*What you are asked to do*:
From the records below, copy each line that has the word "mullion" in it.
::::::::
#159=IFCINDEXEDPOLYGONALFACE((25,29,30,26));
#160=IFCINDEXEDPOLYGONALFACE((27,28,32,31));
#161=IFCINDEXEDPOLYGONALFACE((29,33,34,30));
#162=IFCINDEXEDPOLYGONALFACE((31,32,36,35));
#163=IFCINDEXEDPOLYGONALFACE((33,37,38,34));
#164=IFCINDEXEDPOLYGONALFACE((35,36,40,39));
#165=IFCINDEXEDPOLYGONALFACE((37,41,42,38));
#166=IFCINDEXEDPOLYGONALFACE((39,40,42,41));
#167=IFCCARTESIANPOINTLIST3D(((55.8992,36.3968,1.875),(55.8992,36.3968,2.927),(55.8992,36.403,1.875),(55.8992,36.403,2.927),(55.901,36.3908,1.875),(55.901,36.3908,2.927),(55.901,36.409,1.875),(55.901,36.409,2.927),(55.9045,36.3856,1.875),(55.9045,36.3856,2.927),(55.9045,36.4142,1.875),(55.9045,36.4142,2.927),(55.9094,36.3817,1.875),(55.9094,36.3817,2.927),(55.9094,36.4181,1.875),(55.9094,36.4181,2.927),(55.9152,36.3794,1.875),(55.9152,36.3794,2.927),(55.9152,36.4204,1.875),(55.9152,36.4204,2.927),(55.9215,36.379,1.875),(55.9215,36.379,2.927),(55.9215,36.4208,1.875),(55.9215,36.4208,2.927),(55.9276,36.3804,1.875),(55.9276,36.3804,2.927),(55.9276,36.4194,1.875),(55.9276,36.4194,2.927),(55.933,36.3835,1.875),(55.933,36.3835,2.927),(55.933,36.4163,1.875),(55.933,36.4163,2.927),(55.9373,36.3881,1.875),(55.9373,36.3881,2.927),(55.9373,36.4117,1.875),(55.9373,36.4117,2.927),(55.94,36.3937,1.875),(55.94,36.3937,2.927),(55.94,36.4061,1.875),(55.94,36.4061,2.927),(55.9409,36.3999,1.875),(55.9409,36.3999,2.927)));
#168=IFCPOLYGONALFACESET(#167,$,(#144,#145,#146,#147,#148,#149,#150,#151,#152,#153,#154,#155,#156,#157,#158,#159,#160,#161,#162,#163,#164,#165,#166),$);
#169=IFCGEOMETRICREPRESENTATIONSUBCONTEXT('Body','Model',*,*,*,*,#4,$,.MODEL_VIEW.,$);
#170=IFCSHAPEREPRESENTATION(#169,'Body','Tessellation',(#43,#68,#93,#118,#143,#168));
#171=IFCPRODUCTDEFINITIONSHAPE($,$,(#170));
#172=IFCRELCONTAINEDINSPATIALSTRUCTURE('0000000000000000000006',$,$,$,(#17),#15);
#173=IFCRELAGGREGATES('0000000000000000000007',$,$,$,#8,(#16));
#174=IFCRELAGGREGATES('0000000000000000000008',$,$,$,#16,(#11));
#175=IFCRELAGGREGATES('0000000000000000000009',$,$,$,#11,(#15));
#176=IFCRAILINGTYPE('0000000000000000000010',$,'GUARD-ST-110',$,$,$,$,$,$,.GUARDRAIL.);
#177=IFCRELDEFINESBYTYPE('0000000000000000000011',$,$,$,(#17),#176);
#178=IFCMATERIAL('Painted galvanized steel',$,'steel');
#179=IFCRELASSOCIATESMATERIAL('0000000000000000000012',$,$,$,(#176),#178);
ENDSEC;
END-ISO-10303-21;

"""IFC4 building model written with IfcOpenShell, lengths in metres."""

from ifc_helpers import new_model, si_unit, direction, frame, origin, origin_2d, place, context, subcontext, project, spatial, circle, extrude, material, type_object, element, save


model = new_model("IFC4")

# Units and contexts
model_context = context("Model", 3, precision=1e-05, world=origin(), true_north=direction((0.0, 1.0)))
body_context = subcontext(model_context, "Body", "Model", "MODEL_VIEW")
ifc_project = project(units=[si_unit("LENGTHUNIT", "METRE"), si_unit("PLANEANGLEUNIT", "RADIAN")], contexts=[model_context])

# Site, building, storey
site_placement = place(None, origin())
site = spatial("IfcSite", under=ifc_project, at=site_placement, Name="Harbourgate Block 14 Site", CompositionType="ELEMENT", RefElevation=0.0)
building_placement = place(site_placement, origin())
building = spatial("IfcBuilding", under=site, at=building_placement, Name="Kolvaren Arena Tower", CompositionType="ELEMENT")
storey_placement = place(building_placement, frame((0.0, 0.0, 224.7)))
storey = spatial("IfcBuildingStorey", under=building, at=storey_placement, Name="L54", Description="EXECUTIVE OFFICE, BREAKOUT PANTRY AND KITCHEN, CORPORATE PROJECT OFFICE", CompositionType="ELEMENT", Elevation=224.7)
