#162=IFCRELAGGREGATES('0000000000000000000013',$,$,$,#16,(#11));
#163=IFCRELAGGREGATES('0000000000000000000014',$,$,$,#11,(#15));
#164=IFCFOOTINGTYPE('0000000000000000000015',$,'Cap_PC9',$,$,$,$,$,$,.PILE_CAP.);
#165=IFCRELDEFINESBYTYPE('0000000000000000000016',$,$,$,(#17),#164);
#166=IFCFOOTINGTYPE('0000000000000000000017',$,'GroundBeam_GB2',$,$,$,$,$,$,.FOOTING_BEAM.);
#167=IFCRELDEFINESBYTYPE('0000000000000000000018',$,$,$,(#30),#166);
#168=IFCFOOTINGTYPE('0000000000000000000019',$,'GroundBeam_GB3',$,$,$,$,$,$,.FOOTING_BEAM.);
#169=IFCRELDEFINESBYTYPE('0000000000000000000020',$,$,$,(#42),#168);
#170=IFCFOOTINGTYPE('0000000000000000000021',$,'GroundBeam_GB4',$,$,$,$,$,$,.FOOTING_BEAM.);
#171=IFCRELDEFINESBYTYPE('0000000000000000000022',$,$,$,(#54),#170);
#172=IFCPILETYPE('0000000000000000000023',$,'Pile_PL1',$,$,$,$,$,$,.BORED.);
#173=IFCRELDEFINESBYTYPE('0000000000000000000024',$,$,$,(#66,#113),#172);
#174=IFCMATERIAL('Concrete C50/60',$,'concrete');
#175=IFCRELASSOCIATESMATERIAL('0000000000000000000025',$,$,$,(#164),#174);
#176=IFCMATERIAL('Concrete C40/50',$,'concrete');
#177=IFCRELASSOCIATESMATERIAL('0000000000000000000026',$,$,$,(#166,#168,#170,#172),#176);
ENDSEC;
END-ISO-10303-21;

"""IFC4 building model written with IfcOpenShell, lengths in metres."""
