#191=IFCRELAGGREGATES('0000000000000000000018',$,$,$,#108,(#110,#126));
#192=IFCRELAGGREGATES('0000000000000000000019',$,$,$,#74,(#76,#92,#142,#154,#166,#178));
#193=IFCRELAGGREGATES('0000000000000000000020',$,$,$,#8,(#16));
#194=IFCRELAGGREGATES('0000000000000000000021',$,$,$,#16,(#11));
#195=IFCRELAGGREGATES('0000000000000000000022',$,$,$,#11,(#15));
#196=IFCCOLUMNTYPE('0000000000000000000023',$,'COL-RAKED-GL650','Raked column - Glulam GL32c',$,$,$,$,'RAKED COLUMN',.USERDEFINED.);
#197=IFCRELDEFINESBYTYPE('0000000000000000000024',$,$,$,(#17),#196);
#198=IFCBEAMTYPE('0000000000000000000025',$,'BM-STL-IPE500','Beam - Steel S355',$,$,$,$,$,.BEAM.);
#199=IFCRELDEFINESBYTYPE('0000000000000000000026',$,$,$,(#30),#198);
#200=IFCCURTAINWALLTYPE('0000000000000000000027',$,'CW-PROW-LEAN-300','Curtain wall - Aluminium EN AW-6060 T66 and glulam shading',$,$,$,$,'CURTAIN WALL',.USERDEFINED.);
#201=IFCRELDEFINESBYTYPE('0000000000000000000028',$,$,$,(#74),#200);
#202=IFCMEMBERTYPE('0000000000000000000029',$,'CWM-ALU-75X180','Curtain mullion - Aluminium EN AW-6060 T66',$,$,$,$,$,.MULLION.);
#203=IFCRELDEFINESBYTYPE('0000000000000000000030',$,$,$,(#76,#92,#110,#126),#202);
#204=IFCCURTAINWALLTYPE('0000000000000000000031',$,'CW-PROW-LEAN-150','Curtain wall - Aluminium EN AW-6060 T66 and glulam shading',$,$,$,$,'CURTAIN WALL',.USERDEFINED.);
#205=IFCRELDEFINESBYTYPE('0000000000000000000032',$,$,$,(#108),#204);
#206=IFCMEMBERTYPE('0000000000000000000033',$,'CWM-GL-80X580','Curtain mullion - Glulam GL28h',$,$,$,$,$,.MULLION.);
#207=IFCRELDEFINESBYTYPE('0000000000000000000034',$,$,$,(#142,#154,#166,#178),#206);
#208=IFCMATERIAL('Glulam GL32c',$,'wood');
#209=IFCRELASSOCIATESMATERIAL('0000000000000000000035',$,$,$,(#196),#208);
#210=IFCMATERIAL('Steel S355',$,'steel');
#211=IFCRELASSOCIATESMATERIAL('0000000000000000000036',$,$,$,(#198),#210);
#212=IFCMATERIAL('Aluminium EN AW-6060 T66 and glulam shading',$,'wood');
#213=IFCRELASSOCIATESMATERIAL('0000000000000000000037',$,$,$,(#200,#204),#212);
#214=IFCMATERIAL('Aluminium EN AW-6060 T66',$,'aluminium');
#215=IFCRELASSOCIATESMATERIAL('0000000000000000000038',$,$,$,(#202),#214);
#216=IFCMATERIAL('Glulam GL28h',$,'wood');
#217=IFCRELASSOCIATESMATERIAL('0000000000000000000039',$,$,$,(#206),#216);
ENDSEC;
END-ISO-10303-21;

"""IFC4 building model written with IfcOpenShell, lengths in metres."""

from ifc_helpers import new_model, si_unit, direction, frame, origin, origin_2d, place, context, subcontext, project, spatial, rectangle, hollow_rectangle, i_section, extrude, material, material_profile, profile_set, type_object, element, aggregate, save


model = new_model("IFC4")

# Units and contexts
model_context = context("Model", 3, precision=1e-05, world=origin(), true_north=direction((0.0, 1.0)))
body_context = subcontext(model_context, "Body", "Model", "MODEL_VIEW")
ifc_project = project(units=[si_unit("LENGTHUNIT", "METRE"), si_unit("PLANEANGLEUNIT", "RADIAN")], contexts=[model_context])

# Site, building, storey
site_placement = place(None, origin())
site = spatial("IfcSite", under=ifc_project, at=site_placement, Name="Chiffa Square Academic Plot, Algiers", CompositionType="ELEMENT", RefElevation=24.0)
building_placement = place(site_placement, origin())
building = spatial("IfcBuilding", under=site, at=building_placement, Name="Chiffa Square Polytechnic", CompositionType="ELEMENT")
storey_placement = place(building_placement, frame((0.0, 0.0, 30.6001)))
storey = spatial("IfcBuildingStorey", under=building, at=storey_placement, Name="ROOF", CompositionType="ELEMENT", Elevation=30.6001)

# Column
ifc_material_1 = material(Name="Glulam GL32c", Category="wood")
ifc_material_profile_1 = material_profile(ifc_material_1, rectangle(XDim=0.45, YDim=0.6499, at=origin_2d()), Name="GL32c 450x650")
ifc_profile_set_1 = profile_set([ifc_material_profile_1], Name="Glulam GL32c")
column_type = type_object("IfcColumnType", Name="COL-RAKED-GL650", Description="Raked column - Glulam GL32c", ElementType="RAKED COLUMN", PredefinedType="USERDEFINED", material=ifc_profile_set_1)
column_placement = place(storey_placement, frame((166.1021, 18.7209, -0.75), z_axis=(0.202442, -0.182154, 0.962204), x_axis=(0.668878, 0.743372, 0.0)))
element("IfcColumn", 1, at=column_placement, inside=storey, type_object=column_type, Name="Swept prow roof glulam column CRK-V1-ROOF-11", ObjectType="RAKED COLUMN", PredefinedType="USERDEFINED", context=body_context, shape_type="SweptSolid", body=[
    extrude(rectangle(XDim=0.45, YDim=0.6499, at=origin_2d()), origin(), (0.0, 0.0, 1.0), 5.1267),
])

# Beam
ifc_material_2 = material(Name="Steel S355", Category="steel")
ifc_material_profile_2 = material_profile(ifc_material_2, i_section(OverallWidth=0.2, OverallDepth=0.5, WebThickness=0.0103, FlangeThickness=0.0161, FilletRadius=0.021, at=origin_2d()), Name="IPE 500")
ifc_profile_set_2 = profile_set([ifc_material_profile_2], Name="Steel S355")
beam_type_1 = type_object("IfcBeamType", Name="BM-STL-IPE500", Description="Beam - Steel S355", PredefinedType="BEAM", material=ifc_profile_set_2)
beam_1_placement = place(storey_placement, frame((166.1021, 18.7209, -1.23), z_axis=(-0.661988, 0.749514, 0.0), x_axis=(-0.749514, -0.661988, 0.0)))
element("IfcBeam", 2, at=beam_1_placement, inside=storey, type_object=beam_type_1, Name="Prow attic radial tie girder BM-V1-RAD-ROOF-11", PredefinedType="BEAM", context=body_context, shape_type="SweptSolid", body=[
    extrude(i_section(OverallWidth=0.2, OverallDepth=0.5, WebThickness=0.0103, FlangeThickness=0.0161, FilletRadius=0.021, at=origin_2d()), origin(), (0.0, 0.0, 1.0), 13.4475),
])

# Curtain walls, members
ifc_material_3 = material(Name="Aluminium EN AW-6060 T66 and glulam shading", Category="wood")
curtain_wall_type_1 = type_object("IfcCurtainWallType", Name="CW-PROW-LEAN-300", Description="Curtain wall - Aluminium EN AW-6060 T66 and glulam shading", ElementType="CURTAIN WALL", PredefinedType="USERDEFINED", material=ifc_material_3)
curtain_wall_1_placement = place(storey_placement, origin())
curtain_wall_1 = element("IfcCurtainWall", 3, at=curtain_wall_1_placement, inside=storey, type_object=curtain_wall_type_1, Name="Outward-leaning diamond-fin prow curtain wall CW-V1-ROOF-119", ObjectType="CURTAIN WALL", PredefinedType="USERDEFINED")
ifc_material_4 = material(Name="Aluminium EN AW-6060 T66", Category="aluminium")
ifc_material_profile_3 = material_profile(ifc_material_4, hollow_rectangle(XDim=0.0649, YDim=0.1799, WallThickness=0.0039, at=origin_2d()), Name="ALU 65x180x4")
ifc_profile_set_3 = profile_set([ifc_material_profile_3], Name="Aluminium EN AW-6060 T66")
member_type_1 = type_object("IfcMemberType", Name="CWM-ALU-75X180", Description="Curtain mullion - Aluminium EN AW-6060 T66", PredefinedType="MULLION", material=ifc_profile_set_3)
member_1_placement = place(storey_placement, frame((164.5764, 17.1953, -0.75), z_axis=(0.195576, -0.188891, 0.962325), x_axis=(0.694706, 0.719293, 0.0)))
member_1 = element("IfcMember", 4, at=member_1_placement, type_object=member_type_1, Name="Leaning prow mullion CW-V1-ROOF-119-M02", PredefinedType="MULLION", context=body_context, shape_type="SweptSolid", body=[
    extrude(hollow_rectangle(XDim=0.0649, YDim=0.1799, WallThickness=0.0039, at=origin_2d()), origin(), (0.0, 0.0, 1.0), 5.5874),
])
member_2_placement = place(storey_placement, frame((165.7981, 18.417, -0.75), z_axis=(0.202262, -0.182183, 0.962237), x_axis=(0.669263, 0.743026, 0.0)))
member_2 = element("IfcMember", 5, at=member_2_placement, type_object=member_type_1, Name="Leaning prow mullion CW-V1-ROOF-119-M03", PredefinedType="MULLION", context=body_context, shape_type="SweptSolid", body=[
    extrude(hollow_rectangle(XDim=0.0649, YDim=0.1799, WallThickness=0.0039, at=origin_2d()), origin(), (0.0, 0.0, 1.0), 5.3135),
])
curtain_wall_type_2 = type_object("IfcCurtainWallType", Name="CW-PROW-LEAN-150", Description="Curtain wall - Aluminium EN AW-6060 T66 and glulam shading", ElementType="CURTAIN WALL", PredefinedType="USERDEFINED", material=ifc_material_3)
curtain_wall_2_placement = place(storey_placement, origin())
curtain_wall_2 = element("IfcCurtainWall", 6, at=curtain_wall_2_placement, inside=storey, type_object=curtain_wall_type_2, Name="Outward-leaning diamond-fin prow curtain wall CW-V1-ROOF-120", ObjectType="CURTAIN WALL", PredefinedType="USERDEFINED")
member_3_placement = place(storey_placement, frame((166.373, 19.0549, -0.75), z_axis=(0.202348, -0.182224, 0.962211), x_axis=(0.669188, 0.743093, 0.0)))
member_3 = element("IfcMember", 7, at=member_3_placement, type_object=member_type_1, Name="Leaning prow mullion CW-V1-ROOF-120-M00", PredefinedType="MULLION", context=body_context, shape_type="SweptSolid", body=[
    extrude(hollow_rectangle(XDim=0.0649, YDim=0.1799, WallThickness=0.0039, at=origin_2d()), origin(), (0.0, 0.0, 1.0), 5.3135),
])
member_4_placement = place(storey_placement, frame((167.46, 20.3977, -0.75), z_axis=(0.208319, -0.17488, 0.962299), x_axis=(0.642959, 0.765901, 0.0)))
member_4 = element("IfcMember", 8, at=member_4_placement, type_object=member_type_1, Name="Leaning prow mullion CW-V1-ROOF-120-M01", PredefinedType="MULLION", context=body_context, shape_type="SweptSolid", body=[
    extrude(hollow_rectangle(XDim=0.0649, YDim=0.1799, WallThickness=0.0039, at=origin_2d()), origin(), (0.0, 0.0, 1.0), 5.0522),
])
::::::::
*Finished task*:
#202=IFCMEMBERTYPE('0000000000000000000029',$,'CWM-ALU-75X180','Curtain mullion - Aluminium EN AW-6060 T66',$,$,$,$,$,.MULLION.);
#206=IFCMEMBERTYPE('0000000000000000000033',$,'CWM-GL-80X580','Curtain mullion - Glulam GL28h',$,$,$,$,$,.MULLION.);
member_type_1 = type_object("IfcMemberType", Name="CWM-ALU-75X180", Description="Curtain mullion - Aluminium EN AW-6060 T66", PredefinedType="MULLION", material=ifc_profile_set_3)
member_1 = element("IfcMember", 4, at=member_1_placement, type_object=member_type_1, Name="Leaning prow mullion CW-V1-ROOF-119-M02", PredefinedType="MULLION", context=body_context, shape_type="SweptSolid", body=[
member_2 = element("IfcMember", 5, at=member_2_placement, type_object=member_type_1, Name="Leaning prow mullion CW-V1-ROOF-119-M03", PredefinedType="MULLION", context=body_context, shape_type="SweptSolid", body=[
member_3 = element("IfcMember", 7, at=member_3_placement, type_object=member_type_1, Name="Leaning prow mullion CW-V1-ROOF-120-M00", PredefinedType="MULLION", context=body_context, shape_type="SweptSolid", body=[
member_4 = element("IfcMember", 8, at=member_4_placement, type_object=member_type_1, Name="Leaning prow mullion CW-V1-ROOF-120-M01", PredefinedType="MULLION", context=body_context, shape_type="SweptSolid", body=[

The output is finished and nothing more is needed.